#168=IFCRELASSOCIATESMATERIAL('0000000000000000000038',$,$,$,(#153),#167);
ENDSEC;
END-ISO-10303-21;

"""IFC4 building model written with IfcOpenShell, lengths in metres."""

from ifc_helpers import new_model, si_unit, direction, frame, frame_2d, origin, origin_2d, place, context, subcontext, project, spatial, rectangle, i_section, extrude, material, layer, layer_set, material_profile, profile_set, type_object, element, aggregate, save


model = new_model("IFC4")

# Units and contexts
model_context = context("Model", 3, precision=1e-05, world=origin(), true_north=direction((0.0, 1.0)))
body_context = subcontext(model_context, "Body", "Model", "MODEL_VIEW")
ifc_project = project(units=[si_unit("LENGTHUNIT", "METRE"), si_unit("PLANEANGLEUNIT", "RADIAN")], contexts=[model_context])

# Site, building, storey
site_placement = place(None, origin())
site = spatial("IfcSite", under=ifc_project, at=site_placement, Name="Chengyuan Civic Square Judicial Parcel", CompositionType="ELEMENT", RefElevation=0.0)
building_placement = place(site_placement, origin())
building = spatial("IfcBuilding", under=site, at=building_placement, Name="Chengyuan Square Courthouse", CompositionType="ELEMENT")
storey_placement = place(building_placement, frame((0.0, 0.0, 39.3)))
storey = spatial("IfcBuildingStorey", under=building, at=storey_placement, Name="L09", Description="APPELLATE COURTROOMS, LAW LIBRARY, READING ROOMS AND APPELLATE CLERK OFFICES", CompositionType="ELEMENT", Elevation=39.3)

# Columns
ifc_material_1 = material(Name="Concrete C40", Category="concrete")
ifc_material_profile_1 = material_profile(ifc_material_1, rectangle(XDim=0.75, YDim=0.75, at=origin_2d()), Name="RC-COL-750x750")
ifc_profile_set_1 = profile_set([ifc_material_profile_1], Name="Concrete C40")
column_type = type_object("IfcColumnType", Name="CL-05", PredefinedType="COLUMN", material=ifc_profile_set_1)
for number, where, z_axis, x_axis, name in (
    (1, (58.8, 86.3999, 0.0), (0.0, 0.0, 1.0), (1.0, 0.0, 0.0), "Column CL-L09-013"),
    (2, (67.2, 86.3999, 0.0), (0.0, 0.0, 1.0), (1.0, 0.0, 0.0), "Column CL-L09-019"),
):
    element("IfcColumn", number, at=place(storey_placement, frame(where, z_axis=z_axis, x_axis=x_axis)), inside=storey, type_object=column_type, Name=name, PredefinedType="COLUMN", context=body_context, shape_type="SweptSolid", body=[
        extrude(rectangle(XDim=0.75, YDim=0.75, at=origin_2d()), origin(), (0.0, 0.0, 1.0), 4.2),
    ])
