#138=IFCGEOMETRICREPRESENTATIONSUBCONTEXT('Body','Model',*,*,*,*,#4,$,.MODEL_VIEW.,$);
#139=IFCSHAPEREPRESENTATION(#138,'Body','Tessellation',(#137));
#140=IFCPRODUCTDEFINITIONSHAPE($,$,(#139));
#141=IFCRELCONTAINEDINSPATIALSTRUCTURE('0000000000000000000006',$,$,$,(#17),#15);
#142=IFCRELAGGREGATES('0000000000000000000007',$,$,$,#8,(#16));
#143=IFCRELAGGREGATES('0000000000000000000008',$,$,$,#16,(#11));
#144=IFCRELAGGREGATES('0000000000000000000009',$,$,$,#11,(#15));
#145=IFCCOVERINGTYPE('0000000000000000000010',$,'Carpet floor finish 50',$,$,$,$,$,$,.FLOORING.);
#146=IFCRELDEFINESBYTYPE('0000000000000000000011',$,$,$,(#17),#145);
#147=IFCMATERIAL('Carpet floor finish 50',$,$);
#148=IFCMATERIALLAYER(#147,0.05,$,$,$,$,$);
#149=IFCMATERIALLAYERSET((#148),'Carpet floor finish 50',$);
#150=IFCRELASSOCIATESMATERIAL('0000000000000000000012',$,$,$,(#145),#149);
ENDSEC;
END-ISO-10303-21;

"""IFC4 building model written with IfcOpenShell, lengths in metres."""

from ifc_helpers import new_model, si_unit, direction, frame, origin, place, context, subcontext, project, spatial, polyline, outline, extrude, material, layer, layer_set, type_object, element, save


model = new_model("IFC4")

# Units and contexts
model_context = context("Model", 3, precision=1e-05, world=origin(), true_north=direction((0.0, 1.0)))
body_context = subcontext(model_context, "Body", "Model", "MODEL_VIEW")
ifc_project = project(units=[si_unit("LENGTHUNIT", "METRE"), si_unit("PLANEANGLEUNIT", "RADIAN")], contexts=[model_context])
++++
■ Task instructions ■
Please repeat the whole listing above, keeping every line exactly as it reads.

■ Answer to this problem ■
#168=IFCRELASSOCIATESMATERIAL('0000000000000000000038',$,$,$,(#153),#167);
ENDSEC;
END-ISO-10303-21;

"""IFC4 building model written with IfcOpenShell, lengths in metres."""

from ifc_helpers import new_model, si_unit, direction, frame, frame_2d, origin, origin_2d, place, context, subcontext, project, spatial, rectangle, i_section, extrude, material, layer, layer_set, material_profile, profile_set, type_object, element, aggregate, save


model = new_model("IFC4")

# Units and contexts
model_context = context("Model", 3, precision=1e-05, world=origin(), true_north=direction((0.0, 1.0)))
body_context = subcontext(model_context, "Body", "Model", "MODEL_VIEW")
ifc_project = project(units=[si_unit("LENGTHUNIT", "METRE"), si_unit("PLANEANGLEUNIT", "RADIAN")], contexts=[model_context])

# Site, building, storey
site_placement = place(None, origin())
site = spatial("IfcSite", under=ifc_project, at=site_placement, Name="Chengyuan Civic Square Judicial Parcel", CompositionType="ELEMENT", RefElevation=0.0)
building_placement = place(site_placement, origin())
building = spatial("IfcBuilding", under=site, at=building_placement, Name="Chengyuan Square Courthouse", CompositionType="ELEMENT")
storey_placement = place(building_placement, frame((0.0, 0.0, 39.3)))
storey = spatial("IfcBuildingStorey", under=building, at=storey_placement, Name="L09", Description="APPELLATE COURTROOMS, LAW LIBRARY, READING ROOMS AND APPELLATE CLERK OFFICES", CompositionType="ELEMENT", Elevation=39.3)

# Columns
ifc_material_1 = material(Name="Concrete C40", Category="concrete")
ifc_material_profile_1 = material_profile(ifc_material_1, rectangle(XDim=0.75, YDim=0.75, at=origin_2d()), Name="RC-COL-750x750")
ifc_profile_set_1 = profile_set([ifc_material_profile_1], Name="Concrete C40")
column_type = type_object("IfcColumnType", Name="CL-05", PredefinedType="COLUMN", material=ifc_profile_set_1)
for number, where, z_axis, x_axis, name in (
    (1, (58.8, 86.3999, 0.0), (0.0, 0.0, 1.0), (1.0, 0.0, 0.0), "Column CL-L09-013"),
    (2, (67.2, 86.3999, 0.0), (0.0, 0.0, 1.0), (1.0, 0.0, 0.0), "Column CL-L09-019"),
):
    element("IfcColumn", number, at=place(storey_placement, frame(where, z_axis=z_axis, x_axis=x_axis)), inside=storey, type_object=column_type, Name=name, PredefinedType="COLUMN", context=body_context, shape_type="SweptSolid", body=[
        extrude(rectangle(XDim=0.75, YDim=0.75, at=origin_2d()), origin(), (0.0, 0.0, 1.0), 4.2),
    ])
#138=IFCGEOMETRICREPRESENTATIONSUBCONTEXT('Body','Model',*,*,*,*,#4,$,.MODEL_VIEW.,$);
#139=IFCSHAPEREPRESENTATION(#138,'Body','Tessellation',(#137));
#140=IFCPRODUCTDEFINITIONSHAPE($,$,(#139));
#141=IFCRELCONTAINEDINSPATIALSTRUCTURE('0000000000000000000006',$,$,$,(#17),#15);
#142=IFCRELAGGREGATES('0000000000000000000007',$,$,$,#8,(#16));
#143=IFCRELAGGREGATES('0000000000000000000008',$,$,$,#16,(#11));
#144=IFCRELAGGREGATES('0000000000000000000009',$,$,$,#11,(#15));
#145=IFCCOVERINGTYPE('0000000000000000000010',$,'Carpet floor finish 50',$,$,$,$,$,$,.FLOORING.);
#146=IFCRELDEFINESBYTYPE('0000000000000000000011',$,$,$,(#17),#145);
#147=IFCMATERIAL('Carpet floor finish 50',$,$);
#148=IFCMATERIALLAYER(#147,0.05,$,$,$,$,$);
#149=IFCMATERIALLAYERSET((#148),'Carpet floor finish 50',$);
#150=IFCRELASSOCIATESMATERIAL('0000000000000000000012',$,$,$,(#145),#149);
ENDSEC;
END-ISO-10303-21;

"""IFC4 building model written with IfcOpenShell, lengths in metres."""

from ifc_helpers import new_model, si_unit, direction, frame, origin, place, context, subcontext, project, spatial, polyline, outline, extrude, material, layer, layer_set, type_object, element, save


model = new_model("IFC4")

# Units and contexts
model_context = context("Model", 3, precision=1e-05, world=origin(), true_north=direction((0.0, 1.0)))
body_context = subcontext(model_context, "Body", "Model", "MODEL_VIEW")
ifc_project = project(units=[si_unit("LENGTHUNIT", "METRE"), si_unit("PLANEANGLEUNIT", "RADIAN")], contexts=[model_context])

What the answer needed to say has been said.